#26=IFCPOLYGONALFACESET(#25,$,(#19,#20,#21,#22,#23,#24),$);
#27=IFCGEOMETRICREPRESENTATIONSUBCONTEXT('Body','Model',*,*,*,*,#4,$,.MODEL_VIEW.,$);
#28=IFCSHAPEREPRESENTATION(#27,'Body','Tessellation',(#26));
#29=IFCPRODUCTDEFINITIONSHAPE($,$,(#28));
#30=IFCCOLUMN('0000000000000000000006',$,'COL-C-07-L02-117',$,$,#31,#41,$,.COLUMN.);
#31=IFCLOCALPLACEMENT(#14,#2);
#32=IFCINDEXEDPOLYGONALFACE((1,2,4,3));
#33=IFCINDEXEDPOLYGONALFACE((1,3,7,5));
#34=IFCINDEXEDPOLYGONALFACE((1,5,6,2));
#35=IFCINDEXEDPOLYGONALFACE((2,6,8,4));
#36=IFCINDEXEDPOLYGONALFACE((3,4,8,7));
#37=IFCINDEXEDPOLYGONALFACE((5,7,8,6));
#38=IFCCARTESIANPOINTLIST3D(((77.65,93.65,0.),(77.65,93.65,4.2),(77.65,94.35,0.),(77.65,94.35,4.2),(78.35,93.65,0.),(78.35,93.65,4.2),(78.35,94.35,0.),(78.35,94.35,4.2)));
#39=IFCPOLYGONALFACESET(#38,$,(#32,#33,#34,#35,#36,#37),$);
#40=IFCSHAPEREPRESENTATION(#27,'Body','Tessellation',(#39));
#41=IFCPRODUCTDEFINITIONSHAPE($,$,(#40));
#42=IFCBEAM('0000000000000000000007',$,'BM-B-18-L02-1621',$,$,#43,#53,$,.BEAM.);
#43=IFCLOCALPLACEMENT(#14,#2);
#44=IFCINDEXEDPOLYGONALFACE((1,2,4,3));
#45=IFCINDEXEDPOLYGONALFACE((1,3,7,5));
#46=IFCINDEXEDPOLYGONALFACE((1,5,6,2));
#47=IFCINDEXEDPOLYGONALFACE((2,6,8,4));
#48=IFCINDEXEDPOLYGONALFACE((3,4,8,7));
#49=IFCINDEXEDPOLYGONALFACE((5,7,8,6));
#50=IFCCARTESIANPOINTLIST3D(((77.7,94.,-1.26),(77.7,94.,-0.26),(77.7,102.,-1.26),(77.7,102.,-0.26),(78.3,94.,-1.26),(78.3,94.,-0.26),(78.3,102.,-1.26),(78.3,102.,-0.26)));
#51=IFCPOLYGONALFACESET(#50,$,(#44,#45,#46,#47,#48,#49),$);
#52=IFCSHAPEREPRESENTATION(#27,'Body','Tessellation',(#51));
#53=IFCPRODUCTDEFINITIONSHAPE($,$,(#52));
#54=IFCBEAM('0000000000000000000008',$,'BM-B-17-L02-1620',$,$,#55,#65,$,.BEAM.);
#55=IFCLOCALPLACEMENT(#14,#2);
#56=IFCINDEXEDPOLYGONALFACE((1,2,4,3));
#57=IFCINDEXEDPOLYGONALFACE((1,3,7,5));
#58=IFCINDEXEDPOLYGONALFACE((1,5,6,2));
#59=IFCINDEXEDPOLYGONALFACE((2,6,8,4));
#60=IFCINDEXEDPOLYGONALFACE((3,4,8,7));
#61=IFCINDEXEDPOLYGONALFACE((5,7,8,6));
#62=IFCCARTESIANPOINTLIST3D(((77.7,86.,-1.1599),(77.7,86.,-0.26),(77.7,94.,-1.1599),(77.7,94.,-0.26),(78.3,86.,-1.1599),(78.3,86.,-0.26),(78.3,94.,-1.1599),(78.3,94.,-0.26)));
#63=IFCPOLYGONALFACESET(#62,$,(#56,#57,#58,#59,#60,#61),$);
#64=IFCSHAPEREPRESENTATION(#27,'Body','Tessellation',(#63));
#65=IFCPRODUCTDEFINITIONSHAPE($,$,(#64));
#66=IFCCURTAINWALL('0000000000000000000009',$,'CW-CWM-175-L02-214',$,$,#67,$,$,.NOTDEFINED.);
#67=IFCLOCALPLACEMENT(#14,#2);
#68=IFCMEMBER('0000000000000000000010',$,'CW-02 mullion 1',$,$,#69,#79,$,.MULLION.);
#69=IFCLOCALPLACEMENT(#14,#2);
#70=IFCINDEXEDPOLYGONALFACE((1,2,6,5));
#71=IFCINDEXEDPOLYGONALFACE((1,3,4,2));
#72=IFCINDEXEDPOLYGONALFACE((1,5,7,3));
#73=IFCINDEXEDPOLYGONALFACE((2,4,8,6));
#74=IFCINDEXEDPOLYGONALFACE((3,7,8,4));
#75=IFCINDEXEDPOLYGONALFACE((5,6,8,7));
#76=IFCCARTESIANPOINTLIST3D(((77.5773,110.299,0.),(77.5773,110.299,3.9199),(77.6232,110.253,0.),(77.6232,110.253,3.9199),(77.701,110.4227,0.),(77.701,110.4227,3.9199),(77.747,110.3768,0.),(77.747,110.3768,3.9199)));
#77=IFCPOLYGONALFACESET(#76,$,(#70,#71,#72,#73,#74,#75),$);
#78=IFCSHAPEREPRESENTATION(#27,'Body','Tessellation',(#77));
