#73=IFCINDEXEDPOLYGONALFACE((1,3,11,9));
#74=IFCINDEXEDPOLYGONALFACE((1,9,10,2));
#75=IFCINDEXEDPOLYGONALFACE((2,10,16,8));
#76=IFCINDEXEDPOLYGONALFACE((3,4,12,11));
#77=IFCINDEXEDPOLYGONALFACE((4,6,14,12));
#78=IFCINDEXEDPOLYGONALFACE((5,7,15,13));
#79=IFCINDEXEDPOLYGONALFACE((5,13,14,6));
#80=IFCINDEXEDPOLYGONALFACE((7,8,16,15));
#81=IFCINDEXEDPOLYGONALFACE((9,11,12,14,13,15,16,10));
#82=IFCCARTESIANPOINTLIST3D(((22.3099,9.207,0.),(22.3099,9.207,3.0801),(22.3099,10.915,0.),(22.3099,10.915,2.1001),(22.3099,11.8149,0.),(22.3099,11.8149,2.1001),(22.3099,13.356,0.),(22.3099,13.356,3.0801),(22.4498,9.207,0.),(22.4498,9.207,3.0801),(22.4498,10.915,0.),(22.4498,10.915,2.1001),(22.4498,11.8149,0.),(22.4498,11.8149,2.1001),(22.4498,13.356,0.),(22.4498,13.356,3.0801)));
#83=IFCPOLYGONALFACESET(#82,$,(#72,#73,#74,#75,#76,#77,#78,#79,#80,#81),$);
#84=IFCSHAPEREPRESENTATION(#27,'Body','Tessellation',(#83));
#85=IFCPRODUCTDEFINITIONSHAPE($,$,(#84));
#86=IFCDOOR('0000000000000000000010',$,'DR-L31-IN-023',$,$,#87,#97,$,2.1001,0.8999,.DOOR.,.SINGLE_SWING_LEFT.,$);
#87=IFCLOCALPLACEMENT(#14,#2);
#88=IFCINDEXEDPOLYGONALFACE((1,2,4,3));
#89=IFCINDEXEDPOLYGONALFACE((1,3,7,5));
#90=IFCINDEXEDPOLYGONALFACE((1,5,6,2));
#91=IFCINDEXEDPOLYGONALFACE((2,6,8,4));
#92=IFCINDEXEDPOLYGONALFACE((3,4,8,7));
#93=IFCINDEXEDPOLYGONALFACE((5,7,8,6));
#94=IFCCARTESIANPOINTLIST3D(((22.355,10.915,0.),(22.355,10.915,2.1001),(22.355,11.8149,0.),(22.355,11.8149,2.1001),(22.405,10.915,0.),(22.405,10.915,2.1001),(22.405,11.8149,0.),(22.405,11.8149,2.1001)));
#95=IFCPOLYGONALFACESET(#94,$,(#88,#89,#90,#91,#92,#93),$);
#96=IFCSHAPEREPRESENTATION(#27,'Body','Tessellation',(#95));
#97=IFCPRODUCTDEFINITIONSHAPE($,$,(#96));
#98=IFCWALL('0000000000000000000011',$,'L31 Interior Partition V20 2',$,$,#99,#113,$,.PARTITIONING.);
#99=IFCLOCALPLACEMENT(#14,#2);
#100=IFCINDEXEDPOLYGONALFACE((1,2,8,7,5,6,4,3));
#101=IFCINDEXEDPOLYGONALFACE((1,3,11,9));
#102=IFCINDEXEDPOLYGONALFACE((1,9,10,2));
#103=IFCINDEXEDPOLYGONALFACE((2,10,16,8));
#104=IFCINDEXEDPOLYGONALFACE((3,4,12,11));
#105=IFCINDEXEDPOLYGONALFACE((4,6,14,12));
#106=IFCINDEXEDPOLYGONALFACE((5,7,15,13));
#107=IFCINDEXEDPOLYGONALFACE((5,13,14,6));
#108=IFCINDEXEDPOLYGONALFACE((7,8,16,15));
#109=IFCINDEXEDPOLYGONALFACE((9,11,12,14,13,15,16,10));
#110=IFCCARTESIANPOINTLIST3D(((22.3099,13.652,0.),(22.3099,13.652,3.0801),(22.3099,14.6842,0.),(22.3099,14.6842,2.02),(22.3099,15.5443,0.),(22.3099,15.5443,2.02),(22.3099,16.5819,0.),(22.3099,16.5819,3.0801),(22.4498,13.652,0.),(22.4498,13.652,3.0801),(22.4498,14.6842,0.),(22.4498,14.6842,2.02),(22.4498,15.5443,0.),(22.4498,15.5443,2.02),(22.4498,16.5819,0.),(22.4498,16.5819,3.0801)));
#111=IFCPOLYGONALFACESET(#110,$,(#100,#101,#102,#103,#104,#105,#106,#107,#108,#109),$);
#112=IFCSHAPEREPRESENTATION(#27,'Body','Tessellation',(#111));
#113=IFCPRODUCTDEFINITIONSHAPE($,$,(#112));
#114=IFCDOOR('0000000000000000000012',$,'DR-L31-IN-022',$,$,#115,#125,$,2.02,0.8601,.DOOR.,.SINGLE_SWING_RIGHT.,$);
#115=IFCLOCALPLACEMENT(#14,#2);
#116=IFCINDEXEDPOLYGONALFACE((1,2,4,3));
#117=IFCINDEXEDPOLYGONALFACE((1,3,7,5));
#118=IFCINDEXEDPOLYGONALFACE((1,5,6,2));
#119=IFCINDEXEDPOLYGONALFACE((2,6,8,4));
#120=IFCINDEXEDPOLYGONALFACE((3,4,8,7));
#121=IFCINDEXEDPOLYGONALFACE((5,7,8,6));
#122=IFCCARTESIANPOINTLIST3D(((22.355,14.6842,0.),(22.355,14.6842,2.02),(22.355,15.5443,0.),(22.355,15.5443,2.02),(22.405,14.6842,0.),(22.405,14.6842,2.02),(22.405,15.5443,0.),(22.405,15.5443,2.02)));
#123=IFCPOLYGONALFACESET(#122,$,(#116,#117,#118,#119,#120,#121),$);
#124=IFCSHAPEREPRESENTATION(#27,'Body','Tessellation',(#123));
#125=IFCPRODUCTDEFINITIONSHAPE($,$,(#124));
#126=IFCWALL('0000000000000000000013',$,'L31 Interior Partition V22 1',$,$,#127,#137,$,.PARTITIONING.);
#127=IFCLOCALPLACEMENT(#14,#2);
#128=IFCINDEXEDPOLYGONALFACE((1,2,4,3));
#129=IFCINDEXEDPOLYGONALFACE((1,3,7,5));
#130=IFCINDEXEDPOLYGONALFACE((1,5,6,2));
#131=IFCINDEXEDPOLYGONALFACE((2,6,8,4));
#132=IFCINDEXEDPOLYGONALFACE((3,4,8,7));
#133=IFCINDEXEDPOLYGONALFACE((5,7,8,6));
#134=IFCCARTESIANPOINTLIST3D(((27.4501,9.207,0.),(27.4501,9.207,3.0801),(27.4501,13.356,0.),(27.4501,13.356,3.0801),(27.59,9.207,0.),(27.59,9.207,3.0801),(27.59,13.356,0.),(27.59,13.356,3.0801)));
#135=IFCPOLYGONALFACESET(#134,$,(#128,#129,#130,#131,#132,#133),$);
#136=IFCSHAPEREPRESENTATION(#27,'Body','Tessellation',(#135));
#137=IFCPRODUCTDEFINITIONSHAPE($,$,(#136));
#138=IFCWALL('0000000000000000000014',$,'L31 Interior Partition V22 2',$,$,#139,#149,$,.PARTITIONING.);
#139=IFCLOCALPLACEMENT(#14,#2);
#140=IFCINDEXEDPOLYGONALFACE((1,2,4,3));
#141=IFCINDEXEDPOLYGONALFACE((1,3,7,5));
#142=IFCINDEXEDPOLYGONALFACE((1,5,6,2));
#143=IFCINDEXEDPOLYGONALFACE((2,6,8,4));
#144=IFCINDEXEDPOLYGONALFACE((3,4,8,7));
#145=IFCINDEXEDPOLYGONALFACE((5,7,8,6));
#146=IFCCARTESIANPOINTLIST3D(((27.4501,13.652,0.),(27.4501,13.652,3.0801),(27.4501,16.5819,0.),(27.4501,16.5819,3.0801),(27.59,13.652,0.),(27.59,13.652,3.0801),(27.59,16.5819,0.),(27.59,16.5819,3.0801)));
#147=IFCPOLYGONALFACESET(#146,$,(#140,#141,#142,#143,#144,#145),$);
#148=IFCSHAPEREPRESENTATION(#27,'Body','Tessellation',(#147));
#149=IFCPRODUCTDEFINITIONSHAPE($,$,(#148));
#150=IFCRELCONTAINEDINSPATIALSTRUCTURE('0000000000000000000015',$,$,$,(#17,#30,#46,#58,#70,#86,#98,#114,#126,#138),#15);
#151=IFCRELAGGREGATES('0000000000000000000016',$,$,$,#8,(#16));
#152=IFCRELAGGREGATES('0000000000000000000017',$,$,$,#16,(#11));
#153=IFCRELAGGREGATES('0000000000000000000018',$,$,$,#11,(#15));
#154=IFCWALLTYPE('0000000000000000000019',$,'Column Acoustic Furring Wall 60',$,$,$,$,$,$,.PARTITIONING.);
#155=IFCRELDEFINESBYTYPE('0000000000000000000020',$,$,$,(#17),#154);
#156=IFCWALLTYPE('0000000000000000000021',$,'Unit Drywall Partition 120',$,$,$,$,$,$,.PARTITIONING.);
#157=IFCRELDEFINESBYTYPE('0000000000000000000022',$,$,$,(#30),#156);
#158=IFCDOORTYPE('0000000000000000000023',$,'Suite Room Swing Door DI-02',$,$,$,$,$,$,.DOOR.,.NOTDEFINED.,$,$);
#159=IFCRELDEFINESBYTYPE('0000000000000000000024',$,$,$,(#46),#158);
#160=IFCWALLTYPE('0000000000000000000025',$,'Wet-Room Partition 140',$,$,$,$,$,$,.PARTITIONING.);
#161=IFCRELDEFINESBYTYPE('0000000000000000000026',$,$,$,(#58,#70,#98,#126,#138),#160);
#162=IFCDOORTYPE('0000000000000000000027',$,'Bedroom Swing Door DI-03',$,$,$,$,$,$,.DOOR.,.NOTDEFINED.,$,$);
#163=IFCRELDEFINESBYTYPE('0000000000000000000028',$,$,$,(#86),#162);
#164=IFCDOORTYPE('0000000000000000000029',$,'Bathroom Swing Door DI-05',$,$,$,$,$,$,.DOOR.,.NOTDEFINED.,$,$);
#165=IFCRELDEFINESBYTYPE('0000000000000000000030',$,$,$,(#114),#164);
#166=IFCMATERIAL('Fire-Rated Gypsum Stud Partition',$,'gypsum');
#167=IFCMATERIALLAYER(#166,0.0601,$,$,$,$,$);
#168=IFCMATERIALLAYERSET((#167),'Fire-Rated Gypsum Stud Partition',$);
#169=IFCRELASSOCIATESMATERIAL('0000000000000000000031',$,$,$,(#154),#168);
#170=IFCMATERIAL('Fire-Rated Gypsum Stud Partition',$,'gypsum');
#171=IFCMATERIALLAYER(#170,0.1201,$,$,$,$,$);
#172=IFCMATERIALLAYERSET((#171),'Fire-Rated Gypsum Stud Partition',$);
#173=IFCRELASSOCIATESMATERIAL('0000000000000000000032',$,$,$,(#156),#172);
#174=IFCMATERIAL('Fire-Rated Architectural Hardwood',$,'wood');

━━━━━━

## TRY IT
Retype only the stretch of lines above starting at the one with "#126=IFCWALL('0000000000000000000013',$,'L31 Interior Partition" and stopping at the one with "#145=IFCINDEXEDPOLYGONALFACE((5,7,8,6));", exactly as written, with both kept.

## RESPONSE AREA
#126=IFCWALL('0000000000000000000013',$,'L31 Interior Partition V22 1',$,$,#127,#137,$,.PARTITIONING.);
#127=IFCLOCALPLACEMENT(#14,#2);
#128=IFCINDEXEDPOLYGONALFACE((1,2,4,3));
#129=IFCINDEXEDPOLYGONALFACE((1,3,7,5));
#130=IFCINDEXEDPOLYGONALFACE((1,5,6,2));
#131=IFCINDEXEDPOLYGONALFACE((2,6,8,4));
#132=IFCINDEXEDPOLYGONALFACE((3,4,8,7));
#133=IFCINDEXEDPOLYGONALFACE((5,7,8,6));
#134=IFCCARTESIANPOINTLIST3D(((27.4501,9.207,0.),(27.4501,9.207,3.0801),(27.4501,13.356,0.),(27.4501,13.356,3.0801),(27.59,9.207,0.),(27.59,9.207,3.0801),(27.59,13.356,0.),(27.59,13.356,3.0801)));
#135=IFCPOLYGONALFACESET(#134,$,(#128,#129,#130,#131,#132,#133),$);
#136=IFCSHAPEREPRESENTATION(#27,'Body','Tessellation',(#135));
#137=IFCPRODUCTDEFINITIONSHAPE($,$,(#136));
#138=IFCWALL('0000000000000000000014',$,'L31 Interior Partition V22 2',$,$,#139,#149,$,.PARTITIONING.);
#139=IFCLOCALPLACEMENT(#14,#2);
#140=IFCINDEXEDPOLYGONALFACE((1,2,4,3));
#141=IFCINDEXEDPOLYGONALFACE((1,3,7,5));
#142=IFCINDEXEDPOLYGONALFACE((1,5,6,2));
#143=IFCINDEXEDPOLYGONALFACE((2,6,8,4));
#144=IFCINDEXEDPOLYGONALFACE((3,4,8,7));
#145=IFCINDEXEDPOLYGONALFACE((5,7,8,6));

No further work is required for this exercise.